▶ Problem:
Lines from the one with "#146=IFCSHAPEREPRESENTATION(#81,'Body','Tessellation',(#145));" through the end of the listing below are to be retyped exactly.

▶ Material shown:
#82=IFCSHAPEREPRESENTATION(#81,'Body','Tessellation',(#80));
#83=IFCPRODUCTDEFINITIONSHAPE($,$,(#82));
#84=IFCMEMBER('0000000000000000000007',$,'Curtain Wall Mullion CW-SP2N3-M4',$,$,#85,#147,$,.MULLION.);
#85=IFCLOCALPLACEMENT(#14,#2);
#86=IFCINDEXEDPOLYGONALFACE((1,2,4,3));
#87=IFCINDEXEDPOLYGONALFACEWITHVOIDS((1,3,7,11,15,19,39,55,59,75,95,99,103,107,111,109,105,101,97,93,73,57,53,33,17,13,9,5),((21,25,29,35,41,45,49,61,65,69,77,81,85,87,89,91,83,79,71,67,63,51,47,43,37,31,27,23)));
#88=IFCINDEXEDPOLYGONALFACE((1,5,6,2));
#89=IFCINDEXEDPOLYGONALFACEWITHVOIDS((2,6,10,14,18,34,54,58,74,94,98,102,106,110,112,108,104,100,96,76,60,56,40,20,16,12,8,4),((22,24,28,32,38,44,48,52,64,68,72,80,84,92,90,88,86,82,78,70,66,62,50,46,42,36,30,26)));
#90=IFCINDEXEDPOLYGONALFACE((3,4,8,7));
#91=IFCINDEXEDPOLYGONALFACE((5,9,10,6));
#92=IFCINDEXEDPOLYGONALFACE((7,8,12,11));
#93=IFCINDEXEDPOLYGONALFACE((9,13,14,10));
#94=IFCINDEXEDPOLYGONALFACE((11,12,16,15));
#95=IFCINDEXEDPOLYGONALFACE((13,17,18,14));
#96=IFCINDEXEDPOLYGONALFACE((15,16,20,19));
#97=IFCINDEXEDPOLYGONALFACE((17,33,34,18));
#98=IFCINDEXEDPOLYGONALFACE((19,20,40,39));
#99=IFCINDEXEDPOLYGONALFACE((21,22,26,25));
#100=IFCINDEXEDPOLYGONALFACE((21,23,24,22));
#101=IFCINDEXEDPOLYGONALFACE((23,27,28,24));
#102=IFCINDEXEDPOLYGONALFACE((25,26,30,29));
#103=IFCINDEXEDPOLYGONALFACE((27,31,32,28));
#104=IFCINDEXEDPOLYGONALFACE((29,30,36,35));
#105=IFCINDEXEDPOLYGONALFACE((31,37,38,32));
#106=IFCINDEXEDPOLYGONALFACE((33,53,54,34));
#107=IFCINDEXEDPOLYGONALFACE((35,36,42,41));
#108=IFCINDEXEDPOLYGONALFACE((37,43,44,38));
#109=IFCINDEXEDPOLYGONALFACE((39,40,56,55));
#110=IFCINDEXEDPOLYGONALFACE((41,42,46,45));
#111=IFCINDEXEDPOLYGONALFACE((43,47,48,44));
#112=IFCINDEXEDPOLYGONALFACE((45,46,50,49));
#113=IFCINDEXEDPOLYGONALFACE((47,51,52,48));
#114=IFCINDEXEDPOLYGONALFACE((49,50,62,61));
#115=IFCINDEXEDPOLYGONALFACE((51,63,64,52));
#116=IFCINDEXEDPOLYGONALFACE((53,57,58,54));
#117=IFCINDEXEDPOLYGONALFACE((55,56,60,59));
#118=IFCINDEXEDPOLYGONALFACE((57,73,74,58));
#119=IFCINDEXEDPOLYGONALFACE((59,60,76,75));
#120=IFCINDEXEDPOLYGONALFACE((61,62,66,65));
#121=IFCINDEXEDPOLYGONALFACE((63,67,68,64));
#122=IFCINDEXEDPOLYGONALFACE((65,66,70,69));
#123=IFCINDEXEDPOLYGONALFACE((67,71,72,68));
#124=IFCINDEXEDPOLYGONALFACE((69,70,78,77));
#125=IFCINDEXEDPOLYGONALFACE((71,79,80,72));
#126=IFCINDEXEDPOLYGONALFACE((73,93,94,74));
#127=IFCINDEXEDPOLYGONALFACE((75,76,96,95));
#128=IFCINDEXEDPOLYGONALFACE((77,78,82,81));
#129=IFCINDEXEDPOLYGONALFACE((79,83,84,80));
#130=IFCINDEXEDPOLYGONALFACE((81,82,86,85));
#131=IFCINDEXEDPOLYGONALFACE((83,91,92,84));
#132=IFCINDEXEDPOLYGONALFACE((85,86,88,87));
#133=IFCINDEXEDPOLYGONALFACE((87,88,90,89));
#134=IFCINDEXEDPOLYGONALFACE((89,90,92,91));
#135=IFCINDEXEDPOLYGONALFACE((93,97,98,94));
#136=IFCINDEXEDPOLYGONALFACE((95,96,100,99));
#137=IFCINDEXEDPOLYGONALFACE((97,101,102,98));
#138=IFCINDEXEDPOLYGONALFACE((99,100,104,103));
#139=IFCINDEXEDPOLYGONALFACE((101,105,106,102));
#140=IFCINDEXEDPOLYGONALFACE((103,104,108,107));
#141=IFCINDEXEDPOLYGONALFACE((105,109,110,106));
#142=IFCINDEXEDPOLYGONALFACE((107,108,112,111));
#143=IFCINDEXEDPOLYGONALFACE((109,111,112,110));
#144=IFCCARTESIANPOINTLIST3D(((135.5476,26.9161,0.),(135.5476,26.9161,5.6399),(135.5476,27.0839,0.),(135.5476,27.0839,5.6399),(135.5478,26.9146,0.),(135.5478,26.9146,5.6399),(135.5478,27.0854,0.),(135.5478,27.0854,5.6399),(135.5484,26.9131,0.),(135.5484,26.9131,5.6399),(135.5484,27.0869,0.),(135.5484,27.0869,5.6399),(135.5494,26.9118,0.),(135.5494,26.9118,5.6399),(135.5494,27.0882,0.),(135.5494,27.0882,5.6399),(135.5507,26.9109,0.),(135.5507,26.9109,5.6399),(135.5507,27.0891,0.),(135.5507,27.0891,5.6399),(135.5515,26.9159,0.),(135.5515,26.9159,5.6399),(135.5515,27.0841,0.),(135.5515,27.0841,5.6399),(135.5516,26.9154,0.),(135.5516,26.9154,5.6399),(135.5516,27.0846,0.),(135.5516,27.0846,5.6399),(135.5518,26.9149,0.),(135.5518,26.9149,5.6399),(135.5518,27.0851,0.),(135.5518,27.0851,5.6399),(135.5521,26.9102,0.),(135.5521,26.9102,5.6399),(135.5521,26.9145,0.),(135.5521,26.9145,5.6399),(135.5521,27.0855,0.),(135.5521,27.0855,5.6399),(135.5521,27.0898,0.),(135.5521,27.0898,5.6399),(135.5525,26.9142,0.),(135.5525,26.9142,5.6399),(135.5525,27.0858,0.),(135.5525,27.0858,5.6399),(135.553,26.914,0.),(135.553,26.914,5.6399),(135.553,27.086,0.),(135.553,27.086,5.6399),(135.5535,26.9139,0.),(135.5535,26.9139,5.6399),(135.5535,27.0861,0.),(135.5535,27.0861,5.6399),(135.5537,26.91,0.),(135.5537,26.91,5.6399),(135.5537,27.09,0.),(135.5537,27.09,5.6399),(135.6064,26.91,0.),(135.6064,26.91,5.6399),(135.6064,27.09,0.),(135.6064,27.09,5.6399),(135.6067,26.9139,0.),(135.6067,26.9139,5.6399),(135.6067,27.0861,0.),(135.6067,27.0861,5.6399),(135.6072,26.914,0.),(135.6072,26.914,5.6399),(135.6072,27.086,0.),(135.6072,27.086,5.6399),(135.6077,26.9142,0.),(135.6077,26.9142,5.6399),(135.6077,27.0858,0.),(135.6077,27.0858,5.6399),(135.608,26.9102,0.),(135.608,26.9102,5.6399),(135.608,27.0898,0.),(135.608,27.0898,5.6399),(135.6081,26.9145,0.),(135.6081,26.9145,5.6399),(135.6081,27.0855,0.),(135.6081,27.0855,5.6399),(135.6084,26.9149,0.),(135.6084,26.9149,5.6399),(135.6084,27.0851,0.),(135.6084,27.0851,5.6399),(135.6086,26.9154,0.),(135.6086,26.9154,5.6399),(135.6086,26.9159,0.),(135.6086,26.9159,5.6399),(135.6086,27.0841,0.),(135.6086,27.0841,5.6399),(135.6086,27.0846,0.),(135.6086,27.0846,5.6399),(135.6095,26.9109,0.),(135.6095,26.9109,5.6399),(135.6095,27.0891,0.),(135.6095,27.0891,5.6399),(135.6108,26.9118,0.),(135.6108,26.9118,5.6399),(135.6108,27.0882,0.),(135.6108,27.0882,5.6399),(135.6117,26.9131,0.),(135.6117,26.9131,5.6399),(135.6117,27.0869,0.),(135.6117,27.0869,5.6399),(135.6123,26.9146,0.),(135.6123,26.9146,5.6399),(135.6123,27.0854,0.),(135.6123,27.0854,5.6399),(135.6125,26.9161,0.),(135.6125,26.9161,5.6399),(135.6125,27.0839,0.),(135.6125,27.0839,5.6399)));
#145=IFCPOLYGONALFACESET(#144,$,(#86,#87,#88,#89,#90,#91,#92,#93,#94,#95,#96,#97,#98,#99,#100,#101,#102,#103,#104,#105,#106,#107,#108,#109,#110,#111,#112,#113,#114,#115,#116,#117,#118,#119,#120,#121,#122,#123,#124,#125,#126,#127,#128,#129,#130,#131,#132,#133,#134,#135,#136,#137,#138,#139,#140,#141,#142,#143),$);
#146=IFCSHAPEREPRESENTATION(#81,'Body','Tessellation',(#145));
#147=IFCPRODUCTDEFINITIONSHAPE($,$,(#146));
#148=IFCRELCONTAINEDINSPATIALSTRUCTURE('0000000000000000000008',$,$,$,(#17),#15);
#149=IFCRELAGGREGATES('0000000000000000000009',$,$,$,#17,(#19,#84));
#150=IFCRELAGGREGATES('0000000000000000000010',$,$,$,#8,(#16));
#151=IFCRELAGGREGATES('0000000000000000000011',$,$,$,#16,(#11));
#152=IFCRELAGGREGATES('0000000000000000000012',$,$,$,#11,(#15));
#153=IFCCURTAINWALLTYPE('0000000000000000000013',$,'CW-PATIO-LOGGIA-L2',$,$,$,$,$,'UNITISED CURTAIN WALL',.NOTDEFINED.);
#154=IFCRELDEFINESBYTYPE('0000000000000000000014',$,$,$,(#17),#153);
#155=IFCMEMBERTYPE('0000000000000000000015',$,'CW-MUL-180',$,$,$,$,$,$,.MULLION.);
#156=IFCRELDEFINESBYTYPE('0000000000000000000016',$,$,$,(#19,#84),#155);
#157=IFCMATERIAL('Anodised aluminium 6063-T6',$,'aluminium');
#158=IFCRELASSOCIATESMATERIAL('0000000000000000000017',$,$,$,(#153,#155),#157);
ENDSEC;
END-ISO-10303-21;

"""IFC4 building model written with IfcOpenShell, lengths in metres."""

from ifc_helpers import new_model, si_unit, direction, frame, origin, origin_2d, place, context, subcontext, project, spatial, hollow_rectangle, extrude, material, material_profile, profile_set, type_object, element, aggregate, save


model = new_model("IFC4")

▶ Answer space:
#146=IFCSHAPEREPRESENTATION(#81,'Body','Tessellation',(#145));
#147=IFCPRODUCTDEFINITIONSHAPE($,$,(#146));
#148=IFCRELCONTAINEDINSPATIALSTRUCTURE('0000000000000000000008',$,$,$,(#17),#15);
#149=IFCRELAGGREGATES('0000000000000000000009',$,$,$,#17,(#19,#84));
#150=IFCRELAGGREGATES('0000000000000000000010',$,$,$,#8,(#16));
#151=IFCRELAGGREGATES('0000000000000000000011',$,$,$,#16,(#11));
#152=IFCRELAGGREGATES('0000000000000000000012',$,$,$,#11,(#15));
#153=IFCCURTAINWALLTYPE('0000000000000000000013',$,'CW-PATIO-LOGGIA-L2',$,$,$,$,$,'UNITISED CURTAIN WALL',.NOTDEFINED.);
#154=IFCRELDEFINESBYTYPE('0000000000000000000014',$,$,$,(#17),#153);
#155=IFCMEMBERTYPE('0000000000000000000015',$,'CW-MUL-180',$,$,$,$,$,$,.MULLION.);
#156=IFCRELDEFINESBYTYPE('0000000000000000000016',$,$,$,(#19,#84),#155);
#157=IFCMATERIAL('Anodised aluminium 6063-T6',$,'aluminium');
#158=IFCRELASSOCIATESMATERIAL('0000000000000000000017',$,$,$,(#153,#155),#157);
ENDSEC;
END-ISO-10303-21;

"""IFC4 building model written with IfcOpenShell, lengths in metres."""

from ifc_helpers import new_model, si_unit, direction, frame, origin, origin_2d, place, context, subcontext, project, spatial, hollow_rectangle, extrude, material, material_profile, profile_set, type_object, element, aggregate, save


model = new_model("IFC4")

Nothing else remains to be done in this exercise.